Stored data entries
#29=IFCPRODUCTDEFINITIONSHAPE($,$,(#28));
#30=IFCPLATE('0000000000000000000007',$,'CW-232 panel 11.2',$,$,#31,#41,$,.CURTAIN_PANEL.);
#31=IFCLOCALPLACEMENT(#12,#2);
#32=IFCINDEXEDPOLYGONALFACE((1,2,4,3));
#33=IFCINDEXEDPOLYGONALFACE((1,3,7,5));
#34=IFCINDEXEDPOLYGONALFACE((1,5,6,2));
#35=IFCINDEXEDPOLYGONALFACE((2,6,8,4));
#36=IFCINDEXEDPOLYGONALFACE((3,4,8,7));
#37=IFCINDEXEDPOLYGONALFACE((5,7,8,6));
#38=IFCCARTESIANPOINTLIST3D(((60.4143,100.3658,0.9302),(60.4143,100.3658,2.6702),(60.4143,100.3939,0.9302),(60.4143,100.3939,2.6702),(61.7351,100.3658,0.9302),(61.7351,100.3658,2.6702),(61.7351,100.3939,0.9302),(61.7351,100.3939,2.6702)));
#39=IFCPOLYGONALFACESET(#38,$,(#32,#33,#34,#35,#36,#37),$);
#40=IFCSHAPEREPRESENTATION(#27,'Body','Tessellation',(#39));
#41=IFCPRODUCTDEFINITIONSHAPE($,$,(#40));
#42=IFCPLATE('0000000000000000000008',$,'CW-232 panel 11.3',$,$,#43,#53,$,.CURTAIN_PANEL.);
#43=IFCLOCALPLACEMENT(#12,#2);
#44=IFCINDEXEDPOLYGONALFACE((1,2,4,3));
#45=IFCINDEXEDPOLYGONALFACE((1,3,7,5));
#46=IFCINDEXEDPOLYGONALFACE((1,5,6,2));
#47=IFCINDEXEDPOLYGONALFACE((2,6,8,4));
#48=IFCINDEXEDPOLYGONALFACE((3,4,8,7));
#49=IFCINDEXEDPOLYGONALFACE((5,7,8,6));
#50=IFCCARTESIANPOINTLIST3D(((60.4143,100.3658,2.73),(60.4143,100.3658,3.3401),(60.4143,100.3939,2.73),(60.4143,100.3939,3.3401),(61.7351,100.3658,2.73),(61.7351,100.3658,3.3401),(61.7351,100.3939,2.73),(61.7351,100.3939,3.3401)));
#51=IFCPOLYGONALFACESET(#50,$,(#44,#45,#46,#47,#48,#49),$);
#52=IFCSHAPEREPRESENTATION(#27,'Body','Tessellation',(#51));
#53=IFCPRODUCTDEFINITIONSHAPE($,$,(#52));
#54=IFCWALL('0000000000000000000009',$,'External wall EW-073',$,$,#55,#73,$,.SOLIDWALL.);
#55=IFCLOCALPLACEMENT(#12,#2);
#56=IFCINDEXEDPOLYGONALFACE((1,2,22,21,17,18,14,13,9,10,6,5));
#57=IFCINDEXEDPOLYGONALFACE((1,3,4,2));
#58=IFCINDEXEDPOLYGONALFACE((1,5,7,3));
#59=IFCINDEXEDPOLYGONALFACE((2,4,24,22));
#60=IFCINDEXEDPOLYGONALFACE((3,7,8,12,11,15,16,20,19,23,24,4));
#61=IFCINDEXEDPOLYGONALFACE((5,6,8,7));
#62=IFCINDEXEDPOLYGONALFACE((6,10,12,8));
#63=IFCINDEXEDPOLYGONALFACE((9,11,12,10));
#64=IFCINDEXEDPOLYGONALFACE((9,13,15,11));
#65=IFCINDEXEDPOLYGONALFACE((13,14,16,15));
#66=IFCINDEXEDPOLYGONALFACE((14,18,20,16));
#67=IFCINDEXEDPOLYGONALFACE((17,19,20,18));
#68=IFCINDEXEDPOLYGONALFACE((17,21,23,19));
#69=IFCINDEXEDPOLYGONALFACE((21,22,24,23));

...

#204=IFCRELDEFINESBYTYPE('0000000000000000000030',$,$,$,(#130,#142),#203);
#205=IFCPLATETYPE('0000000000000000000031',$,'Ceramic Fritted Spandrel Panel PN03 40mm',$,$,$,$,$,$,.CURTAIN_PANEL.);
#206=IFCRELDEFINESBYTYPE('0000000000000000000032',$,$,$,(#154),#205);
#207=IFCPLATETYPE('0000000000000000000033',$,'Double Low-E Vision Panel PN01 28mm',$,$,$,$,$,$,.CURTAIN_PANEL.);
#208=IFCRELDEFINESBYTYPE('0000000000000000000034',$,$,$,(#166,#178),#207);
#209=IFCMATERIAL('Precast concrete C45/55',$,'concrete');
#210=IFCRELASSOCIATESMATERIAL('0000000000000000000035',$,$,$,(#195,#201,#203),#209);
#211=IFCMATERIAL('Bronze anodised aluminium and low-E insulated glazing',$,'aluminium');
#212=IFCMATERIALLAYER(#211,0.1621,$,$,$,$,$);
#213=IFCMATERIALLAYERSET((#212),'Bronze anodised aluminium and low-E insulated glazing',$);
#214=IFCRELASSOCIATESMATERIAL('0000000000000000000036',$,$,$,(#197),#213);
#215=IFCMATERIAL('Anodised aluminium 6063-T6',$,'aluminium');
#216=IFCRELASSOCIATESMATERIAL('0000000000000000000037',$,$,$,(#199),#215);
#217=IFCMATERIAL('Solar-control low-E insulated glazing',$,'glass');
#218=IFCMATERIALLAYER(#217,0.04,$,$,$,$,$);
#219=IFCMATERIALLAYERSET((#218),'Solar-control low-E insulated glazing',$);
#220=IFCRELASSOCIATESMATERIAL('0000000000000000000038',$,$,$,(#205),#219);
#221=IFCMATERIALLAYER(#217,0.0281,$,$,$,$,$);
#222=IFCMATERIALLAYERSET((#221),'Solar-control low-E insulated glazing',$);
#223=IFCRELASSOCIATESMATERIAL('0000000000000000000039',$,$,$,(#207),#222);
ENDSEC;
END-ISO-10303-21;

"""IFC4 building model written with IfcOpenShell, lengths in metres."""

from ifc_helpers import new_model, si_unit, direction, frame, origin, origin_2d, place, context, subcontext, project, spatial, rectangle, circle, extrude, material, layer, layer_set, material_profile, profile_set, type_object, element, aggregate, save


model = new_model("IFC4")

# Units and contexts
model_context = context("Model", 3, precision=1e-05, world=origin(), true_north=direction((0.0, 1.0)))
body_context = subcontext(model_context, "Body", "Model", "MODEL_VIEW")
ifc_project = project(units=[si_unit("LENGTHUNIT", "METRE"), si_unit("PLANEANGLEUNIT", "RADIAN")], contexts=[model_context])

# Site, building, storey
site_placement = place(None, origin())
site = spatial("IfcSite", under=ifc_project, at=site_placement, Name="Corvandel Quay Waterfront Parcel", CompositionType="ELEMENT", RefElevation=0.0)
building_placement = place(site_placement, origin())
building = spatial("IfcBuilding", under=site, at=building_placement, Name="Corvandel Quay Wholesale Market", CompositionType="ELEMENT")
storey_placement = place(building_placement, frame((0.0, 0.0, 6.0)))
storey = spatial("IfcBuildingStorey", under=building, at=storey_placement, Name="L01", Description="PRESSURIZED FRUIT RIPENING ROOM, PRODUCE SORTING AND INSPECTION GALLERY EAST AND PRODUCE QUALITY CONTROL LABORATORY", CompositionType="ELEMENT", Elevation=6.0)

#### What is needed:
Among the records above, how many lines carry the string "Bronze"? Reply with the number alone.

#### Solution for this problem:
2